» **Goal of the exercise**:
From the entries that follow, extract each line holding the string "IFCRELDEFINESBYTYPE".

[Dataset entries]
========================================================================

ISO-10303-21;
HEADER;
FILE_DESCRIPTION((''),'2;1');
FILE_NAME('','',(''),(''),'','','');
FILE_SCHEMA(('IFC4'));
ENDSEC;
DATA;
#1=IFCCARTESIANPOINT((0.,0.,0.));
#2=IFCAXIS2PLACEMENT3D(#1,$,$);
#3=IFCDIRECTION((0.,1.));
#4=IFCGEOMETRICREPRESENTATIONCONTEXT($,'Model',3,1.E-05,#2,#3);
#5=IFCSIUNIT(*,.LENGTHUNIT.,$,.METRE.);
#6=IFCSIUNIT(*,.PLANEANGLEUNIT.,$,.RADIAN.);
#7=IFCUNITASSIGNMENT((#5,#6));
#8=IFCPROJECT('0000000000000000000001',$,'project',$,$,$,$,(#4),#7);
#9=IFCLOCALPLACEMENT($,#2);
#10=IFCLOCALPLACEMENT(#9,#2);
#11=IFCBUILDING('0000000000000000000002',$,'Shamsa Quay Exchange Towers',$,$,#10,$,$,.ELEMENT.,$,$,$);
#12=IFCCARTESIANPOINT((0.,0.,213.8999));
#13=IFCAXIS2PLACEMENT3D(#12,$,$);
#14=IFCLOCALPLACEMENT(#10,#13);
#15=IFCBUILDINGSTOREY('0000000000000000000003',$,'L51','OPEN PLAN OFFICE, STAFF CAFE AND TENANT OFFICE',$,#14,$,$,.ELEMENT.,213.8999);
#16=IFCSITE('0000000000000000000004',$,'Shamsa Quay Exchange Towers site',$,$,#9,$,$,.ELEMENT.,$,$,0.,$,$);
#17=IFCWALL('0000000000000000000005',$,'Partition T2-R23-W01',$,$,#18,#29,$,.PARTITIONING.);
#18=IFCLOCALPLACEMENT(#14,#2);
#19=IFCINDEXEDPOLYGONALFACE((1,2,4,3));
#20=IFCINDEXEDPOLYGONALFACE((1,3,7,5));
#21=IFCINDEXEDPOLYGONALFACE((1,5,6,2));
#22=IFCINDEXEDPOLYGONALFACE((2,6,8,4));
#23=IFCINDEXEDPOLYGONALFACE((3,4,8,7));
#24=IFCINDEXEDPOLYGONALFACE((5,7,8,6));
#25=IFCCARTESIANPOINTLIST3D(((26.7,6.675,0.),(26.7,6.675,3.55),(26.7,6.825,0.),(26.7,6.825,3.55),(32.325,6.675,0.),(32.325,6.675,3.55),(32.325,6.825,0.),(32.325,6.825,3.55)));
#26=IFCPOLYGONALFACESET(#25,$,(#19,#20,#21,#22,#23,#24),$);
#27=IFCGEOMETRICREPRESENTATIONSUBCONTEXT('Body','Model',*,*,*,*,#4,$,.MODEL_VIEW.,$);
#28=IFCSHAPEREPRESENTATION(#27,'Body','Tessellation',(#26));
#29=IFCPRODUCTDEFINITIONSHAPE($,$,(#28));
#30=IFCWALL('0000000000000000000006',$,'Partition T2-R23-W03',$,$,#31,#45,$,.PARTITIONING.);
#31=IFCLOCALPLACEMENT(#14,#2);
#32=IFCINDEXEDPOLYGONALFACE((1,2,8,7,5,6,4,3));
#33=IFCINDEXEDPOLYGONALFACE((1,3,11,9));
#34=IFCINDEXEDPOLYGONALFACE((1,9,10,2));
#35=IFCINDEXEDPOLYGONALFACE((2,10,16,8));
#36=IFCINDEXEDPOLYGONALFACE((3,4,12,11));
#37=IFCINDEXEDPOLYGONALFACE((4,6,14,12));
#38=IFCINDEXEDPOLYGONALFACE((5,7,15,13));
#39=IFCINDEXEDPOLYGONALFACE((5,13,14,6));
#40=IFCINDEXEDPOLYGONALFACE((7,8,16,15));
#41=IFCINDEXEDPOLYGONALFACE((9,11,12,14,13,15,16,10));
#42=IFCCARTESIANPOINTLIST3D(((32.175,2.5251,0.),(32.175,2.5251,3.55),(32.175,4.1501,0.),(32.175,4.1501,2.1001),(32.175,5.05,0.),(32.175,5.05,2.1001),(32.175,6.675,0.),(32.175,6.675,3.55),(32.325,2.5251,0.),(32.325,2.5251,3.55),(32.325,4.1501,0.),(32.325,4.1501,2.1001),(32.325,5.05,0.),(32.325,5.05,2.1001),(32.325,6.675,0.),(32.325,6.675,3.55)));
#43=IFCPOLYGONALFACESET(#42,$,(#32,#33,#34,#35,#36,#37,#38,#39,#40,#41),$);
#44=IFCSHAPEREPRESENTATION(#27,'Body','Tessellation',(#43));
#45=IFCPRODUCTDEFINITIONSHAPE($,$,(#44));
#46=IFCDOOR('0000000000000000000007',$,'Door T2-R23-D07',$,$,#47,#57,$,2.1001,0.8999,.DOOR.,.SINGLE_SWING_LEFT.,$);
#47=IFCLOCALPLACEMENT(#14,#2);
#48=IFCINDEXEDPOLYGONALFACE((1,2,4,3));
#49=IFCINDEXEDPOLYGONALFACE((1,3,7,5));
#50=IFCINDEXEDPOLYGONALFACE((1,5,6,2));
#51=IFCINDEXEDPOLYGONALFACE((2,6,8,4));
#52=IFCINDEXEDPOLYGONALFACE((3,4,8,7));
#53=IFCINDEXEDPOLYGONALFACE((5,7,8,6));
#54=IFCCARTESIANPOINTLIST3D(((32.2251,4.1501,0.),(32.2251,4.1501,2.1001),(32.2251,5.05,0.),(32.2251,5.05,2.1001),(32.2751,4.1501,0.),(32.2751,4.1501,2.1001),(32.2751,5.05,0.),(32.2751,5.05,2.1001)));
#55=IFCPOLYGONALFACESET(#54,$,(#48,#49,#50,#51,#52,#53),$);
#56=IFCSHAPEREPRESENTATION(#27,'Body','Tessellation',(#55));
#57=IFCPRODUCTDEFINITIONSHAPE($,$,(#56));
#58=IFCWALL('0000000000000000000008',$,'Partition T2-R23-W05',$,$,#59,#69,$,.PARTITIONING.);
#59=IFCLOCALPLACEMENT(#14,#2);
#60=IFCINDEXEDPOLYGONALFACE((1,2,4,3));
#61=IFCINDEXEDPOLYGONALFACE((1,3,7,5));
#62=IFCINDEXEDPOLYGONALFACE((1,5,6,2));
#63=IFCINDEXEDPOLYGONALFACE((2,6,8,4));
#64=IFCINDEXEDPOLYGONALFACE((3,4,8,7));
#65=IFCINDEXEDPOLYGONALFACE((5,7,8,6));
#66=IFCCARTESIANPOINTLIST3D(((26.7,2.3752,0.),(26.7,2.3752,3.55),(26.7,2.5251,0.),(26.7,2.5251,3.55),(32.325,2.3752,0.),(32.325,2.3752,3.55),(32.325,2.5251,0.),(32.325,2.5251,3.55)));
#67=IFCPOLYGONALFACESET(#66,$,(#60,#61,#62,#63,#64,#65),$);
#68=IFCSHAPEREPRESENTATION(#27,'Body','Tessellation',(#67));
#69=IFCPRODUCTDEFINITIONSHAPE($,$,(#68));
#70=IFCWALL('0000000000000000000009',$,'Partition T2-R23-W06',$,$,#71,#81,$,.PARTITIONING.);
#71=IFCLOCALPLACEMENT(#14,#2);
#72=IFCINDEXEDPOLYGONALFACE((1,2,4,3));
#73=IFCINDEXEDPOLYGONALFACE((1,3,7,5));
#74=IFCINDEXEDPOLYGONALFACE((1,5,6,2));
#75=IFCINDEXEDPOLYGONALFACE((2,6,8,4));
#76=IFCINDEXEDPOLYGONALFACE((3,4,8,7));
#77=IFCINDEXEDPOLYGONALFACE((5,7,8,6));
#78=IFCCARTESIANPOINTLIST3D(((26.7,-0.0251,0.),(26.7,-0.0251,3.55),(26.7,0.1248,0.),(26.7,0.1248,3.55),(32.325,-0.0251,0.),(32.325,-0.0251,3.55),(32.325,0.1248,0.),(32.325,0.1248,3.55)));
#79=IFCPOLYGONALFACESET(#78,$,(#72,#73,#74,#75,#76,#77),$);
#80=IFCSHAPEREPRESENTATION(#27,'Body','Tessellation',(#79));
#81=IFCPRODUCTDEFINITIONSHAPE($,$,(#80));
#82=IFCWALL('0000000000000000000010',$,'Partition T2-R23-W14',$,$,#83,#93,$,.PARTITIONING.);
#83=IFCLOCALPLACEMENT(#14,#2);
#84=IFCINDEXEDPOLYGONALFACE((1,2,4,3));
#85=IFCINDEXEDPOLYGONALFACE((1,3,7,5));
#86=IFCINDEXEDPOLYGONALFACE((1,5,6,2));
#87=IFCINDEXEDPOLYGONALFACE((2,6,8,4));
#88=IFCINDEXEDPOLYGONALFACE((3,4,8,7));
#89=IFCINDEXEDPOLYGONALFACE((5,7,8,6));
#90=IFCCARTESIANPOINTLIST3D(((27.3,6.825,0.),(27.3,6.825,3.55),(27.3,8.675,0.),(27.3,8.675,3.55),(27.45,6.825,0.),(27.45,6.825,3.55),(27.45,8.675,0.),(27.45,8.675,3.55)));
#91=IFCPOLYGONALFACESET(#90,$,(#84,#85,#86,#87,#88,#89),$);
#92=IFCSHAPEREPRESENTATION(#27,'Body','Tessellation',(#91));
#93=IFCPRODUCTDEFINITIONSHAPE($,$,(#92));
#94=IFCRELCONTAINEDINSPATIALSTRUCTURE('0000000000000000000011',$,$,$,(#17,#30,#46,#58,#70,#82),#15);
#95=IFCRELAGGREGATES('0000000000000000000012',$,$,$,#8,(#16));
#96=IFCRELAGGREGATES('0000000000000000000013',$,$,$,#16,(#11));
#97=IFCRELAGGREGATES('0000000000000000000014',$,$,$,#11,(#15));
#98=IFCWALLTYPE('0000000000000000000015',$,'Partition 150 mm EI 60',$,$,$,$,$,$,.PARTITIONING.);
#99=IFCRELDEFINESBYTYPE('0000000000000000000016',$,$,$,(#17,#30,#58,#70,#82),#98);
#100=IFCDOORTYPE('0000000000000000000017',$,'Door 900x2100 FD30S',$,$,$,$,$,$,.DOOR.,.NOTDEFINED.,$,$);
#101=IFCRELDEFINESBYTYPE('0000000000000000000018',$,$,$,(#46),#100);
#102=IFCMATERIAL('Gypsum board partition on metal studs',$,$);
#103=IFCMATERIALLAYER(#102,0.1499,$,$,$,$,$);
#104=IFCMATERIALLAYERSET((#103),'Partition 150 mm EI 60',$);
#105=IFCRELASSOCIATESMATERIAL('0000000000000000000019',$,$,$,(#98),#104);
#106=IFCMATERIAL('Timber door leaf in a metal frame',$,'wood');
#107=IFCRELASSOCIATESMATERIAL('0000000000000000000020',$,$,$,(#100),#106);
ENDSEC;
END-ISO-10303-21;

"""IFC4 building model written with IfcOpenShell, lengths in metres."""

from ifc_helpers import new_model, si_unit, direction, frame, frame_2d, origin, place, context, subcontext, project, spatial, rectangle, extrude, material, layer, layer_set, type_object, element, fill, save


model = new_model("IFC4")

# Units and contexts
model_context = context("Model", 3, precision=1e-05, world=origin(), true_north=direction((0.0, 1.0)))
body_context = subcontext(model_context, "Body", "Model", "MODEL_VIEW")
ifc_project = project(units=[si_unit("LENGTHUNIT", "METRE"), si_unit("PLANEANGLEUNIT", "RADIAN")], contexts=[model_context])

# Site, building, storey
site_placement = place(None, origin())
site = spatial("IfcSite", under=ifc_project, at=site_placement, Name="Shamsa Quay Exchange Towers site", CompositionType="ELEMENT", RefElevation=0.0)
building_placement = place(site_placement, origin())
building = spatial("IfcBuilding", under=site, at=building_placement, Name="Shamsa Quay Exchange Towers", CompositionType="ELEMENT")
storey_placement = place(building_placement, frame((0.0, 0.0, 213.8999)))
storey = spatial("IfcBuildingStorey", under=building, at=storey_placement, Name="L51", Description="OPEN PLAN OFFICE, STAFF CAFE AND TENANT OFFICE", CompositionType="ELEMENT", Elevation=213.8999)

# Shared definitions
ifc_material_1 = material(Name="Gypsum board partition on metal studs")

# Shared definitions
ifc_material_2 = material(Name="Timber door leaf in a metal frame", Category="wood")

# Wall
ifc_layer_1 = layer(ifc_material_1, 0.1499)
ifc_layer_set_1 = layer_set([ifc_layer_1], Name="Partition 150 mm EI 60")
wall_type_1 = type_object("IfcWallType", Name="Partition 150 mm EI 60", PredefinedType="PARTITIONING", material=ifc_layer_set_1)
wall_1_placement = place(storey_placement, frame((32.325, 6.75, 0.0), z_axis=(0.0, 0.0, 1.0), x_axis=(-1.0, 0.0, 0.0)))
element("IfcWall", 1, at=wall_1_placement, inside=storey, type_object=wall_type_1, Name="Partition T2-R23-W01", PredefinedType="PARTITIONING", context=body_context, shape_type="SweptSolid", body=[
    extrude(rectangle(XDim=5.625, YDim=0.1499, at=frame_2d((2.8125, 0.0))), origin(), (0.0, 0.0, 1.0), 3.55),
])

# Wall, opening, door
wall_2_placement = place(storey_placement, frame((32.25, 2.5251, 0.0), z_axis=(0.0, 0.0, 1.0), x_axis=(0.0, 1.0, 0.0)))
wall_2 = element("IfcWall", 2, at=wall_2_placement, inside=storey, type_object=wall_type_1, Name="Partition T2-R23-W03", PredefinedType="PARTITIONING", context=body_context, shape_type="SweptSolid", body=[
    extrude(rectangle(XDim=4.1499, YDim=0.1499, at=frame_2d((2.075, 0.0))), origin(), (0.0, 0.0, 1.0), 3.55),
])
opening_1_placement = place(wall_2_placement, frame((1.625, 0.0, 0.0)))
opening_1 = element("IfcOpeningElement", 3, at=opening_1_placement, cuts=wall_2, PredefinedType="OPENING", context=body_context, shape_type="SweptSolid", body=[
    extrude(rectangle(XDim=0.8999, YDim=2.1001, at=frame_2d((0.45, 1.05))), frame((0.0, 0.085, 0.0), z_axis=(0.0, -1.0, 0.0), x_axis=(1.0, 0.0, 0.0)), (0.0, 0.0, 1.0), 0.1699),
])
door_type_1 = type_object("IfcDoorType", Name="Door 900x2100 FD30S", OperationType="NOTDEFINED", PredefinedType="DOOR", material=ifc_material_2)
door_1_placement = place(opening_1_placement, origin())
door_1 = element("IfcDoor", 4, at=door_1_placement, inside=storey, type_object=door_type_1, Name="Door T2-R23-D07", OperationType="SINGLE_SWING_LEFT", OverallHeight=2.1001, OverallWidth=0.8999, PredefinedType="DOOR", context=body_context, shape_type="SweptSolid", body=[
    extrude(rectangle(XDim=0.8999, YDim=2.1001, at=frame_2d((0.45, 1.05))), frame((0.0, 0.0249, 0.0), z_axis=(0.0, -1.0, 0.0), x_axis=(1.0, 0.0, 0.0)), (0.0, 0.0, 1.0), 0.05),
])
fill(opening_1, door_1)

# Walls
wall_3_placement = place(storey_placement, frame((26.7, 2.4502, 0.0)))
element("IfcWall", 5, at=wall_3_placement, inside=storey, type_object=wall_type_1, Name="Partition T2-R23-W05", PredefinedType="PARTITIONING", context=body_context, shape_type="SweptSolid", body=[
    extrude(rectangle(XDim=5.625, YDim=0.1499, at=frame_2d((2.8125, 0.0))), origin(), (0.0, 0.0, 1.0), 3.55),
])
wall_4_placement = place(storey_placement, frame((32.325, 0.0498, 0.0), z_axis=(0.0, 0.0, 1.0), x_axis=(-1.0, 0.0, 0.0)))
element("IfcWall", 6, at=wall_4_placement, inside=storey, type_object=wall_type_1, Name="Partition T2-R23-W06", PredefinedType="PARTITIONING", context=body_context, shape_type="SweptSolid", body=[
    extrude(rectangle(XDim=5.625, YDim=0.1499, at=frame_2d((2.8125, 0.0))), origin(), (0.0, 0.0, 1.0), 3.55),
])
wall_5_placement = place(storey_placement, frame((27.375, 8.675, 0.0), z_axis=(0.0, 0.0, 1.0), x_axis=(0.0, -1.0, 0.0)))
element("IfcWall", 7, at=wall_5_placement, inside=storey, type_object=wall_type_1, Name="Partition T2-R23-W14", PredefinedType="PARTITIONING", context=body_context, shape_type="SweptSolid", body=[
    extrude(rectangle(XDim=1.8501, YDim=0.1499, at=frame_2d((0.925, 0.0))), origin(), (0.0, 0.0, 1.0), 3.55),
])

save(model, "model.ifc")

========================================================================

» **Reply to the exercise**:
#99=IFCRELDEFINESBYTYPE('0000000000000000000016',$,$,$,(#17,#30,#58,#70,#82),#98);
#101=IFCRELDEFINESBYTYPE('0000000000000000000018',$,$,$,(#46),#100);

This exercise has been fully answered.